▶ Task
Transcribe, word for word and without additions, each line below from the one containing "#43=IFCPOLYGONALFACESET(#42,$,(#36,#37,#38,#39,#40,#41),$);" through the one containing "#57=IFCINDEXEDPOLYGONALFACE((13,15,16,14));", both ends included.

Material for this exercise below:

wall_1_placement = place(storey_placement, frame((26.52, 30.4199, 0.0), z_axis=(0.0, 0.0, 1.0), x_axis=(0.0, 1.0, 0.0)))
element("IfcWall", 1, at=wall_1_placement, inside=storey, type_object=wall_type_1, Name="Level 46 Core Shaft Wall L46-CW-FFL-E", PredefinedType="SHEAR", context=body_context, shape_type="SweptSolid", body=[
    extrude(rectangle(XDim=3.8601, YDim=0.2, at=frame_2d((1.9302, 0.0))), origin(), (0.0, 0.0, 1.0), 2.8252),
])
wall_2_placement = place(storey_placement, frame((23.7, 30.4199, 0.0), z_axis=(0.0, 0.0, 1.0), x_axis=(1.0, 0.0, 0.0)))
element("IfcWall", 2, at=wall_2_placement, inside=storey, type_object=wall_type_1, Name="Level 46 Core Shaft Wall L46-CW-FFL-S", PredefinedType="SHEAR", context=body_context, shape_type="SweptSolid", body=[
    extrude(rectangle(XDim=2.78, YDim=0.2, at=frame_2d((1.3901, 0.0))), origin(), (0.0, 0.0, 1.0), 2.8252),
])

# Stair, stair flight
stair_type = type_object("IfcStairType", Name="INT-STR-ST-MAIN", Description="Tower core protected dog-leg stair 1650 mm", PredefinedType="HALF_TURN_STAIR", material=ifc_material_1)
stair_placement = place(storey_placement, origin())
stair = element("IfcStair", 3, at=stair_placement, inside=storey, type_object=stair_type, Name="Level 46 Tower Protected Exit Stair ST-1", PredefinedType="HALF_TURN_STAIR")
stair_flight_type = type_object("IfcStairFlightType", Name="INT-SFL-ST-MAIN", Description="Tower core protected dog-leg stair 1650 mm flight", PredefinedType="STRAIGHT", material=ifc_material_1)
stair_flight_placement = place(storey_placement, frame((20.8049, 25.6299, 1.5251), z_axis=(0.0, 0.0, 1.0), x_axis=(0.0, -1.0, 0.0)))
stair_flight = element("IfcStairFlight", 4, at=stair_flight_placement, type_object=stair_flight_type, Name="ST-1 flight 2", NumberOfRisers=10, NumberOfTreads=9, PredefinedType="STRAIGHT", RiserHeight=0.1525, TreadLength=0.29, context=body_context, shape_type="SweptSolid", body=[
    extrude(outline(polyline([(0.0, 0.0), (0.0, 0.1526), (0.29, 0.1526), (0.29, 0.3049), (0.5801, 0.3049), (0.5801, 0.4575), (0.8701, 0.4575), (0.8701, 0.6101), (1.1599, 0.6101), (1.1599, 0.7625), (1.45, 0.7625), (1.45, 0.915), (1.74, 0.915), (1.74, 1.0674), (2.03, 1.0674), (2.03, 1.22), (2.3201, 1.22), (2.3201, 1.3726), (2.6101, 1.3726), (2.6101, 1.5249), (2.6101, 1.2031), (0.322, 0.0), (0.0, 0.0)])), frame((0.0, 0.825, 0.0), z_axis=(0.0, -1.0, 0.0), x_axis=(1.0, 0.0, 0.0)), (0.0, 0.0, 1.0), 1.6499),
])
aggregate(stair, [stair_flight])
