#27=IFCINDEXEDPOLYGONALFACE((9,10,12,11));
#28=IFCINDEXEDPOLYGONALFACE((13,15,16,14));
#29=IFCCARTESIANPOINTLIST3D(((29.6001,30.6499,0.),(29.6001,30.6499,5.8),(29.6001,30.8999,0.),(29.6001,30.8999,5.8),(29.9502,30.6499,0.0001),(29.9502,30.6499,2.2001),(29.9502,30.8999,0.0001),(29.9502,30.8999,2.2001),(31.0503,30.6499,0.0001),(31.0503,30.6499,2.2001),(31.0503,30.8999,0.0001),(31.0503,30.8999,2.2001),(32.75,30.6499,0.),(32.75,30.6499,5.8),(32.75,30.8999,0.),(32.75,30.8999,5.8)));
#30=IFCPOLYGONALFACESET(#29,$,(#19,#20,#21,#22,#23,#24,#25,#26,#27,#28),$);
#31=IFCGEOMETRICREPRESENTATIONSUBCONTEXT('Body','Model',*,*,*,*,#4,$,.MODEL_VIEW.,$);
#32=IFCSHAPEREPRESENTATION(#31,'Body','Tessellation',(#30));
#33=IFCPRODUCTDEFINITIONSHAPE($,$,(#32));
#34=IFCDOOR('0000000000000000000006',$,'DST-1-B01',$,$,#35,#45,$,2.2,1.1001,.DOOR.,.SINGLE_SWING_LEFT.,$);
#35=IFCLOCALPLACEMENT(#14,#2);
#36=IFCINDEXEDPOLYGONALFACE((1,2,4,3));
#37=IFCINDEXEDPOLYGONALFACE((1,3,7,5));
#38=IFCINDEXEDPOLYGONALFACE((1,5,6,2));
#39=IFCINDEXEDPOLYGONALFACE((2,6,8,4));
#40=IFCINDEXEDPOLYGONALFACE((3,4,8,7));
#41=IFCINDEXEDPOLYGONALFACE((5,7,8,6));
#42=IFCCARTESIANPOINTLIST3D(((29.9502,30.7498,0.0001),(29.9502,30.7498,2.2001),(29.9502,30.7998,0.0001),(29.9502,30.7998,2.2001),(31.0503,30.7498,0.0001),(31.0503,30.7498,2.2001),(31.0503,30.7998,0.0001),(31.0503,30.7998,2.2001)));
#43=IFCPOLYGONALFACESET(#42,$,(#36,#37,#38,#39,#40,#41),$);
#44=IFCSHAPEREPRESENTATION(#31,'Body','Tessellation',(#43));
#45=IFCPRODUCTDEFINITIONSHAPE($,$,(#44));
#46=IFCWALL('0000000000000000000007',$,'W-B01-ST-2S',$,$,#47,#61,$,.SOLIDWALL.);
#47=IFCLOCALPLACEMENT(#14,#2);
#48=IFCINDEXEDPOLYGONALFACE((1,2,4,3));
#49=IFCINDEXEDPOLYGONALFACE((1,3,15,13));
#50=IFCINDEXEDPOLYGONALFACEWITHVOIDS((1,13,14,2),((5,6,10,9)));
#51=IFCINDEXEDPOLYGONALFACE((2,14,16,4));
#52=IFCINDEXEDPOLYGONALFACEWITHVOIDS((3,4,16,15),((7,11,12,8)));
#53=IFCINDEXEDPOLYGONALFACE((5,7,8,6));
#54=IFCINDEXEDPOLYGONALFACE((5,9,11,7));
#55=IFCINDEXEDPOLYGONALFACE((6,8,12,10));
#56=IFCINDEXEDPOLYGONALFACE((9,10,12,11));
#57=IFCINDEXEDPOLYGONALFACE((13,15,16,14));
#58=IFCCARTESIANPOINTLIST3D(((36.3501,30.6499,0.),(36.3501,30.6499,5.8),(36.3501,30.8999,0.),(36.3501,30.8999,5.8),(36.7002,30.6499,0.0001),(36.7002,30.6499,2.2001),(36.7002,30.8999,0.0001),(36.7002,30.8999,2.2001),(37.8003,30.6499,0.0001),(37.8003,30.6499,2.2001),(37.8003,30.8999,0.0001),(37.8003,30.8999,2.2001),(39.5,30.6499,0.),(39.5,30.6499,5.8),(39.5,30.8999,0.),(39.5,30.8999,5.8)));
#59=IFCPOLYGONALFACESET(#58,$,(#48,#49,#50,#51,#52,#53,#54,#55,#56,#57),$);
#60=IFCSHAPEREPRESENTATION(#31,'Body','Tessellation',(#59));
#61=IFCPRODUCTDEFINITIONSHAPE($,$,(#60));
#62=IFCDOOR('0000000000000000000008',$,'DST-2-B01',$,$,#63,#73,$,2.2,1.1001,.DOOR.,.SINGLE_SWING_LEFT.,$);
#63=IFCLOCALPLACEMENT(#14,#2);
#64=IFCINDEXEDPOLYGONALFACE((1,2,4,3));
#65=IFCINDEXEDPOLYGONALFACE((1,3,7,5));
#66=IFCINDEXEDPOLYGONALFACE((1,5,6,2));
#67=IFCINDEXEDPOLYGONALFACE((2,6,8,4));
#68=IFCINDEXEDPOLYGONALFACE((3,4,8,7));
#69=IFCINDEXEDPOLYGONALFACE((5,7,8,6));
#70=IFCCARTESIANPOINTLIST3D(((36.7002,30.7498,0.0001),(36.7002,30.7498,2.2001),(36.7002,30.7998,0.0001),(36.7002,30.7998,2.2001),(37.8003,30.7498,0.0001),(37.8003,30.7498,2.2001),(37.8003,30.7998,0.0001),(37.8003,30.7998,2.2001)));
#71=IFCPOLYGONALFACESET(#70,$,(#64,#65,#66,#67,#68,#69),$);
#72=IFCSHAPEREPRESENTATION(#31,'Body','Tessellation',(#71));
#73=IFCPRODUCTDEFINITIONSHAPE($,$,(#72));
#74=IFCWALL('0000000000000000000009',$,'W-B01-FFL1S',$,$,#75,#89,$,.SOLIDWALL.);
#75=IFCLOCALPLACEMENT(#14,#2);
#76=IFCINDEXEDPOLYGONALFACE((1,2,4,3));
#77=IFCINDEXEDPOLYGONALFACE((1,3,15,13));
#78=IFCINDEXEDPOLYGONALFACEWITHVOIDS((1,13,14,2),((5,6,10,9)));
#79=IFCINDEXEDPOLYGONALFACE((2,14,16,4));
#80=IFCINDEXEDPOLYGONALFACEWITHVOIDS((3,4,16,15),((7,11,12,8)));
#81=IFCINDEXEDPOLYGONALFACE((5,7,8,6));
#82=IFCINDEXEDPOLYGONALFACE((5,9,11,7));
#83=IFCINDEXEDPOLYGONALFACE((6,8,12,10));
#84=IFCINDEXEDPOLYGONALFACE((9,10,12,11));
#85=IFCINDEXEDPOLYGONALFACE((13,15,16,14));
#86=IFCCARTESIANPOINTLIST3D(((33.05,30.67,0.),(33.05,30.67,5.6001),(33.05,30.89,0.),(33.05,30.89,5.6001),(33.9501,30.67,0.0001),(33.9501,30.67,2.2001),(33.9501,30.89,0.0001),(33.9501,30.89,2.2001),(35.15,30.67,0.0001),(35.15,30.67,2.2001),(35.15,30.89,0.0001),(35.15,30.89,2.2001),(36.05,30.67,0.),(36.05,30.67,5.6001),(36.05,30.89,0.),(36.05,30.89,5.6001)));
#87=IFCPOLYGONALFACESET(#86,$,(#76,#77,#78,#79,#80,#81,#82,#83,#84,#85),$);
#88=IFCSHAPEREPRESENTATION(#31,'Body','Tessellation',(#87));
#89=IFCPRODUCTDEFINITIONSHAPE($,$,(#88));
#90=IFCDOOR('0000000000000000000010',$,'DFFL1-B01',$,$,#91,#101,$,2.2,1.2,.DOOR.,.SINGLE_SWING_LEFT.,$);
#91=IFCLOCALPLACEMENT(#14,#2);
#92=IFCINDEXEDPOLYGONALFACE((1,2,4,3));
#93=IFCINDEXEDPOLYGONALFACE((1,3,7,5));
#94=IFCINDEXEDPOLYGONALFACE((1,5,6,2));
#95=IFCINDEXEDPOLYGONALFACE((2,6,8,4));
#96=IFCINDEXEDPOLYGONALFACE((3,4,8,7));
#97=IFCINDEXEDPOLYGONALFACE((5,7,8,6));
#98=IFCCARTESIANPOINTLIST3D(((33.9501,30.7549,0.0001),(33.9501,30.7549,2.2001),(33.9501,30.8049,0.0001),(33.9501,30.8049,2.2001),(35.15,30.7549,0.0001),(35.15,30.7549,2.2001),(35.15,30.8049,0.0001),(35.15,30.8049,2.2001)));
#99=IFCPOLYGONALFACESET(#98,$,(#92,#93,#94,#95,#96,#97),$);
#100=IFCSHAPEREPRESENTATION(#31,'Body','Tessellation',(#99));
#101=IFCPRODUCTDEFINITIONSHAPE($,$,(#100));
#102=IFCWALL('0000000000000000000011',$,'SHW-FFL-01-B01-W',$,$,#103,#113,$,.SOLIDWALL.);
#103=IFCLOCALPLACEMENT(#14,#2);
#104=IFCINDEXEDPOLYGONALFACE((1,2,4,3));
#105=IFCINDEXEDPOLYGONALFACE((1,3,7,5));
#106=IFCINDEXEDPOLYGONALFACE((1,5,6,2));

End of Material for this exercise.

▶ Answer space
#43=IFCPOLYGONALFACESET(#42,$,(#36,#37,#38,#39,#40,#41),$);
#44=IFCSHAPEREPRESENTATION(#31,'Body','Tessellation',(#43));
#45=IFCPRODUCTDEFINITIONSHAPE($,$,(#44));
#46=IFCWALL('0000000000000000000007',$,'W-B01-ST-2S',$,$,#47,#61,$,.SOLIDWALL.);
#47=IFCLOCALPLACEMENT(#14,#2);
#48=IFCINDEXEDPOLYGONALFACE((1,2,4,3));
#49=IFCINDEXEDPOLYGONALFACE((1,3,15,13));
#50=IFCINDEXEDPOLYGONALFACEWITHVOIDS((1,13,14,2),((5,6,10,9)));
#51=IFCINDEXEDPOLYGONALFACE((2,14,16,4));
#52=IFCINDEXEDPOLYGONALFACEWITHVOIDS((3,4,16,15),((7,11,12,8)));
#53=IFCINDEXEDPOLYGONALFACE((5,7,8,6));
#54=IFCINDEXEDPOLYGONALFACE((5,9,11,7));
#55=IFCINDEXEDPOLYGONALFACE((6,8,12,10));
#56=IFCINDEXEDPOLYGONALFACE((9,10,12,11));
#57=IFCINDEXEDPOLYGONALFACE((13,15,16,14));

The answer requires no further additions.